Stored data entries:
=====
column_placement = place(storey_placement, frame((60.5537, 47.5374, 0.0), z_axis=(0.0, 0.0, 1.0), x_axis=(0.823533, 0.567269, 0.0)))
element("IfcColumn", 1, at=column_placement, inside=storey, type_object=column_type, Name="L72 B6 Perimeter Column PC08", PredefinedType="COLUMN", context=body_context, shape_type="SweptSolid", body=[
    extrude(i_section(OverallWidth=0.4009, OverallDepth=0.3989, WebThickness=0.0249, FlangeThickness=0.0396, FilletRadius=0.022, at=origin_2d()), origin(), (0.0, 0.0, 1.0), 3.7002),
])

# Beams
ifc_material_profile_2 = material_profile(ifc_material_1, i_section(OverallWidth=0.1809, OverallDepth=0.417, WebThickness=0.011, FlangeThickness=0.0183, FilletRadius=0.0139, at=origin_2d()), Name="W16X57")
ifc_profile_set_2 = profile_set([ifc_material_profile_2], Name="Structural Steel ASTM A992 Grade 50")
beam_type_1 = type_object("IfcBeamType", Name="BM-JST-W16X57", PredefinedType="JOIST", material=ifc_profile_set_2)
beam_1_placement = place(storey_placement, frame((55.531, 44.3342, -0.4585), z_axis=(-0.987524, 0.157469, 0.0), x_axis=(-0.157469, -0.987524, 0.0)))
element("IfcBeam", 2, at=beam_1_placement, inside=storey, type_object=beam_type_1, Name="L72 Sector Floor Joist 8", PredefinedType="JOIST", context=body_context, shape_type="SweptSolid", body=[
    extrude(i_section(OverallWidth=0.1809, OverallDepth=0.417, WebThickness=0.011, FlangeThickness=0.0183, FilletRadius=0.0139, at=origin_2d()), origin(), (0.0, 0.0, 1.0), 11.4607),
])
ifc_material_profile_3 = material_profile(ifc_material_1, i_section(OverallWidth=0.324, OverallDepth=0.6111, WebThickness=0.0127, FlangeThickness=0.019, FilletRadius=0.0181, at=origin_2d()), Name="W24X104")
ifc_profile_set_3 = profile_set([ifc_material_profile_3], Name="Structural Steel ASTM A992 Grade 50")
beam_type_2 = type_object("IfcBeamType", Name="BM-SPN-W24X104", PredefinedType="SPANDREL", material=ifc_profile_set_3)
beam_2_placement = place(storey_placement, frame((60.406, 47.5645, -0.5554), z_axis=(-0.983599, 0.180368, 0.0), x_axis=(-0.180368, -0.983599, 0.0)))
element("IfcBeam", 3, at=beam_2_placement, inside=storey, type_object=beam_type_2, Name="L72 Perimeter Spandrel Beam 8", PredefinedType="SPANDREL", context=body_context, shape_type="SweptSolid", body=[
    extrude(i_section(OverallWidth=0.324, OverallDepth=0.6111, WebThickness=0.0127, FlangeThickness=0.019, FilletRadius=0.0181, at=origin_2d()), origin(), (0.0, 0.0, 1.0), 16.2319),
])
=====
Without changing a word, write out each entry again.

ANSWER BOX —
column_placement = place(storey_placement, frame((60.5537, 47.5374, 0.0), z_axis=(0.0, 0.0, 1.0), x_axis=(0.823533, 0.567269, 0.0)))
element("IfcColumn", 1, at=column_placement, inside=storey, type_object=column_type, Name="L72 B6 Perimeter Column PC08", PredefinedType="COLUMN", context=body_context, shape_type="SweptSolid", body=[
    extrude(i_section(OverallWidth=0.4009, OverallDepth=0.3989, WebThickness=0.0249, FlangeThickness=0.0396, FilletRadius=0.022, at=origin_2d()), origin(), (0.0, 0.0, 1.0), 3.7002),
])

# Beams
ifc_material_profile_2 = material_profile(ifc_material_1, i_section(OverallWidth=0.1809, OverallDepth=0.417, WebThickness=0.011, FlangeThickness=0.0183, FilletRadius=0.0139, at=origin_2d()), Name="W16X57")
ifc_profile_set_2 = profile_set([ifc_material_profile_2], Name="Structural Steel ASTM A992 Grade 50")
beam_type_1 = type_object("IfcBeamType", Name="BM-JST-W16X57", PredefinedType="JOIST", material=ifc_profile_set_2)
beam_1_placement = place(storey_placement, frame((55.531, 44.3342, -0.4585), z_axis=(-0.987524, 0.157469, 0.0), x_axis=(-0.157469, -0.987524, 0.0)))
element("IfcBeam", 2, at=beam_1_placement, inside=storey, type_object=beam_type_1, Name="L72 Sector Floor Joist 8", PredefinedType="JOIST", context=body_context, shape_type="SweptSolid", body=[
    extrude(i_section(OverallWidth=0.1809, OverallDepth=0.417, WebThickness=0.011, FlangeThickness=0.0183, FilletRadius=0.0139, at=origin_2d()), origin(), (0.0, 0.0, 1.0), 11.4607),
])
ifc_material_profile_3 = material_profile(ifc_material_1, i_section(OverallWidth=0.324, OverallDepth=0.6111, WebThickness=0.0127, FlangeThickness=0.019, FilletRadius=0.0181, at=origin_2d()), Name="W24X104")
ifc_profile_set_3 = profile_set([ifc_material_profile_3], Name="Structural Steel ASTM A992 Grade 50")
beam_type_2 = type_object("IfcBeamType", Name="BM-SPN-W24X104", PredefinedType="SPANDREL", material=ifc_profile_set_3)
beam_2_placement = place(storey_placement, frame((60.406, 47.5645, -0.5554), z_axis=(-0.983599, 0.180368, 0.0), x_axis=(-0.180368, -0.983599, 0.0)))
element("IfcBeam", 3, at=beam_2_placement, inside=storey, type_object=beam_type_2, Name="L72 Perimeter Spandrel Beam 8", PredefinedType="SPANDREL", context=body_context, shape_type="SweptSolid", body=[
    extrude(i_section(OverallWidth=0.324, OverallDepth=0.6111, WebThickness=0.0127, FlangeThickness=0.019, FilletRadius=0.0181, at=origin_2d()), origin(), (0.0, 0.0, 1.0), 16.2319),
])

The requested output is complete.